**Your goal**:
What you return must be every line from the beginning of the data through the line holding "#164=IFCDOORTYPE('0000000000000000000021',$,'Single leaf door", unchanged.

Supplied records: Begin

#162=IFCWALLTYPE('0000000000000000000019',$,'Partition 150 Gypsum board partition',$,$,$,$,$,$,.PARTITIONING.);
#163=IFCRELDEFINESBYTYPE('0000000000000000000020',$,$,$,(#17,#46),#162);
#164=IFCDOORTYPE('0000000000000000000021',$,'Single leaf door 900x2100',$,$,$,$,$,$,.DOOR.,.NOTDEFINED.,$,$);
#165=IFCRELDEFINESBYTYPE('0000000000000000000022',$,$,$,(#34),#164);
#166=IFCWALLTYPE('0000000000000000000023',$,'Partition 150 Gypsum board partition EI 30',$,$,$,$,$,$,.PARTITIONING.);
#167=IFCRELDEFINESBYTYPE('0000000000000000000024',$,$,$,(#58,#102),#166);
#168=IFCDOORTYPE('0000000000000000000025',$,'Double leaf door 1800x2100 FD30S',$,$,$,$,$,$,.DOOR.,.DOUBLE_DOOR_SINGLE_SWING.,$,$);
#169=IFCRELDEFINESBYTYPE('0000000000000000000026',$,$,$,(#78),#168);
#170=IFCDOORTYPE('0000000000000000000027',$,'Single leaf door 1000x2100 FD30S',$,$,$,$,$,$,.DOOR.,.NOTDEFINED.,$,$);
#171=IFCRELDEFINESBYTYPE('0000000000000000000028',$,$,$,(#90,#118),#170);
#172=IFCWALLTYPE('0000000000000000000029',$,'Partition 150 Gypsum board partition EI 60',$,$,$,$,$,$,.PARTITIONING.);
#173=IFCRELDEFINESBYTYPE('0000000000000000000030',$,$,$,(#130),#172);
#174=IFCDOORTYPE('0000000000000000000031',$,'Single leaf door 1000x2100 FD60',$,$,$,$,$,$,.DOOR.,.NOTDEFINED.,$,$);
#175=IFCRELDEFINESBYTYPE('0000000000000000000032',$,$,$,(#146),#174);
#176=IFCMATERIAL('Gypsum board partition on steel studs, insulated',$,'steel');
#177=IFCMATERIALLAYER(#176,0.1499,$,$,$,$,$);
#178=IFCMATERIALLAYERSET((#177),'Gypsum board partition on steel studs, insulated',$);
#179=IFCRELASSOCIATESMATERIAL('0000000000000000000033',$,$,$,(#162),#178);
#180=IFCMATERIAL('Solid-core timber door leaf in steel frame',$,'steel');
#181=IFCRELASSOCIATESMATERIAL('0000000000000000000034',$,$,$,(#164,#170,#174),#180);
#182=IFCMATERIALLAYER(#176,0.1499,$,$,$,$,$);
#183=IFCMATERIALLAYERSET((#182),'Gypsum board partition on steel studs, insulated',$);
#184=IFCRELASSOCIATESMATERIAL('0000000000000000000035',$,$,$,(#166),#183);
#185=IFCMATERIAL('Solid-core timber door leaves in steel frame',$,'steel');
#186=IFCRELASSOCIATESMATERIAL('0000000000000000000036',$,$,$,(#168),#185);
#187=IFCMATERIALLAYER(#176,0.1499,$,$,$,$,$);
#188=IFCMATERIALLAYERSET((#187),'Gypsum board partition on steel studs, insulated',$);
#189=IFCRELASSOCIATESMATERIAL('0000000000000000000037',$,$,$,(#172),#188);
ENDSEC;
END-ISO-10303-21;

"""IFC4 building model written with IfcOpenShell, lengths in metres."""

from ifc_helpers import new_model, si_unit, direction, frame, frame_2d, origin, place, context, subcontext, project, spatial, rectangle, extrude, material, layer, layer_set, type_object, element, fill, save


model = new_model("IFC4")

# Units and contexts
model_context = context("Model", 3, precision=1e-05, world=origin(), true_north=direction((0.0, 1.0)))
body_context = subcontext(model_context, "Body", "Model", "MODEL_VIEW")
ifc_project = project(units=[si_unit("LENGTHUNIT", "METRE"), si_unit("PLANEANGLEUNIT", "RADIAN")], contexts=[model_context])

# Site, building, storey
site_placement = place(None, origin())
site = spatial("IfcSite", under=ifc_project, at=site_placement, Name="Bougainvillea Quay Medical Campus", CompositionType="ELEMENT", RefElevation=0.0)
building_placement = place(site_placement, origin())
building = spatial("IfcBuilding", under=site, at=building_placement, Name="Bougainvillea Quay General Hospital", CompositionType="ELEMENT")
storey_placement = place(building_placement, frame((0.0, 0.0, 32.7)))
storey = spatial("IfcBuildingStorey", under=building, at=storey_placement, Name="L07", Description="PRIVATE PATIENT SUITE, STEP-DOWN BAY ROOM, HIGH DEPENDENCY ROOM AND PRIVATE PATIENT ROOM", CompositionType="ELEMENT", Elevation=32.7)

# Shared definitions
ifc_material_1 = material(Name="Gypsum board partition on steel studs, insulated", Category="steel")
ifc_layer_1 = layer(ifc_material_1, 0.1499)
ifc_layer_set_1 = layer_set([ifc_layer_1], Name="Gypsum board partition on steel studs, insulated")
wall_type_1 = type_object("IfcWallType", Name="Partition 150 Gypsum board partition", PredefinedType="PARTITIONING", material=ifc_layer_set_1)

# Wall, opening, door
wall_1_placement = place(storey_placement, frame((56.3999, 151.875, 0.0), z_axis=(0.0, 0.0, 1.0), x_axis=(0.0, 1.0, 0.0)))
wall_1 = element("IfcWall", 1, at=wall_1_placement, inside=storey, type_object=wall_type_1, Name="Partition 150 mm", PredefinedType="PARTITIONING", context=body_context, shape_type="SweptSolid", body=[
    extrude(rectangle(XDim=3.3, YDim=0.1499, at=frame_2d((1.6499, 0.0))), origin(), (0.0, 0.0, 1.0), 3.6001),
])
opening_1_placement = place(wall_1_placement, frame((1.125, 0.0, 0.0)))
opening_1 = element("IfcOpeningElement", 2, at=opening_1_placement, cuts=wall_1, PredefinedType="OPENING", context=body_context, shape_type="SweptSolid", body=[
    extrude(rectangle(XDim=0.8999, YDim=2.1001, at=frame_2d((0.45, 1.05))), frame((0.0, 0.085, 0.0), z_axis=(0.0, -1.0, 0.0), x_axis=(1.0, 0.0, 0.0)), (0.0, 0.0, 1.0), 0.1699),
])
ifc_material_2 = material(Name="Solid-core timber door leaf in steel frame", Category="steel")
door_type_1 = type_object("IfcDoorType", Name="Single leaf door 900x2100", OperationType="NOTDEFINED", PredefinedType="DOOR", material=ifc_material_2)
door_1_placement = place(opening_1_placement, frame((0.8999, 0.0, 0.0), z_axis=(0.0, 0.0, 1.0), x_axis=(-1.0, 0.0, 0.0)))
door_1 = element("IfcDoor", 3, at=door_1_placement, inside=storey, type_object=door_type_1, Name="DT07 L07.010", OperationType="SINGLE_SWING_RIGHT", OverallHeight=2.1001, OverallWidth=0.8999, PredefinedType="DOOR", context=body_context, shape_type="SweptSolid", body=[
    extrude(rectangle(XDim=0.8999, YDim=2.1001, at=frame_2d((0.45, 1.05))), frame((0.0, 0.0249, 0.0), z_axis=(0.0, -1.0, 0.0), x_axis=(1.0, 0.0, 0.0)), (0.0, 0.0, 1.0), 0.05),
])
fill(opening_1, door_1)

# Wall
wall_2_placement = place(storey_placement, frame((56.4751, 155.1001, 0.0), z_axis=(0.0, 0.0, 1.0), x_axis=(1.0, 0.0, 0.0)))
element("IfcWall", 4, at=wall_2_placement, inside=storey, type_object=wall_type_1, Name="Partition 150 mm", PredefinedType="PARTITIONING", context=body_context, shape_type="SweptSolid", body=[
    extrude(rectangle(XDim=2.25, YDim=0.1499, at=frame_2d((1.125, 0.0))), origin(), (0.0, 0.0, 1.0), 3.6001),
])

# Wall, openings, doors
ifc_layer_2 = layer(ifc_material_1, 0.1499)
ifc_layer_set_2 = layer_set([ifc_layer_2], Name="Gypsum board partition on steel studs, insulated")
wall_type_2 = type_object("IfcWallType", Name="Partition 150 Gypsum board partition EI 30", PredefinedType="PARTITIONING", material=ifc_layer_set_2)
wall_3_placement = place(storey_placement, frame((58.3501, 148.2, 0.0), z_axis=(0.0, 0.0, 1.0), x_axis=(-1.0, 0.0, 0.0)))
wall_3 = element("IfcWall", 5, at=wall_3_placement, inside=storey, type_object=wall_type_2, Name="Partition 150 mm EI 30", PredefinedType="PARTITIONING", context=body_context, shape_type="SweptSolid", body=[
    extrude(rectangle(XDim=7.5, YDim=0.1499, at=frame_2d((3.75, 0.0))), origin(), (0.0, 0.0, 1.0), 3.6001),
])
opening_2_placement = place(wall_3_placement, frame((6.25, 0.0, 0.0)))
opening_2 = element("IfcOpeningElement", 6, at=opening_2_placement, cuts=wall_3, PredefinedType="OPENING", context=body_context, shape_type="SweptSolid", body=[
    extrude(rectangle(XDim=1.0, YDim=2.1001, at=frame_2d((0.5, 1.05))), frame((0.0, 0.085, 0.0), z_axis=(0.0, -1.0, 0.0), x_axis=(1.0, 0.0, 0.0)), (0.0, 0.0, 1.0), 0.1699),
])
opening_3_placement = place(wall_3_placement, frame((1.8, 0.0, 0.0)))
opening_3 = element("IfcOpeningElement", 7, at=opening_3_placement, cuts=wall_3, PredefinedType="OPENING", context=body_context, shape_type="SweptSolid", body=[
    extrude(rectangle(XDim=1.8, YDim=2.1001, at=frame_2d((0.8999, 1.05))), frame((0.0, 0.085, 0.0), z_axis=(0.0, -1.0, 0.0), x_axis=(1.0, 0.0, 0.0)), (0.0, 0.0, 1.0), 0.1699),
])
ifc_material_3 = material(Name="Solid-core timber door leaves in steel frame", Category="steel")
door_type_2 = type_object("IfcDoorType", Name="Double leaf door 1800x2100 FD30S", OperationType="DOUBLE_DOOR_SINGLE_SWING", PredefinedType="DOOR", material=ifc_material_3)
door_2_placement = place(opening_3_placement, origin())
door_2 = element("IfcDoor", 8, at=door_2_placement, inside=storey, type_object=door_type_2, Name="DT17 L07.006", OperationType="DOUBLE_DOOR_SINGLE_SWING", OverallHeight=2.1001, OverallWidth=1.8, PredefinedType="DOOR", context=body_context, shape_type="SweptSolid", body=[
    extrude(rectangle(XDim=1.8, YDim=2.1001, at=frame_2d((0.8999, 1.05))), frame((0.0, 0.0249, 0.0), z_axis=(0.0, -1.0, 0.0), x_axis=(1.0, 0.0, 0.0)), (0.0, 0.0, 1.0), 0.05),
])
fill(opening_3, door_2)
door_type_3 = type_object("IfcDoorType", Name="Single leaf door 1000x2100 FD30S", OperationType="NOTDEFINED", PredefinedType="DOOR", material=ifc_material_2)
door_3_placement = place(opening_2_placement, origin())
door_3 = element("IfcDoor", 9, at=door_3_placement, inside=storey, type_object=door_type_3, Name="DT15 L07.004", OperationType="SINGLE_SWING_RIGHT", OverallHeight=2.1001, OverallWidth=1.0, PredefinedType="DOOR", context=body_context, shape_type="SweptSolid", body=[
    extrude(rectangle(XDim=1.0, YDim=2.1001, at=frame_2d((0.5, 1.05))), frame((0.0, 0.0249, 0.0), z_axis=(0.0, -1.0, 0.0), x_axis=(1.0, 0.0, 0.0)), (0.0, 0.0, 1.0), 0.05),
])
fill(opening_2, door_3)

Supplied records: End

**Answer section**:
#162=IFCWALLTYPE('0000000000000000000019',$,'Partition 150 Gypsum board partition',$,$,$,$,$,$,.PARTITIONING.);
#163=IFCRELDEFINESBYTYPE('0000000000000000000020',$,$,$,(#17,#46),#162);
#164=IFCDOORTYPE('0000000000000000000021',$,'Single leaf door 900x2100',$,$,$,$,$,$,.DOOR.,.NOTDEFINED.,$,$);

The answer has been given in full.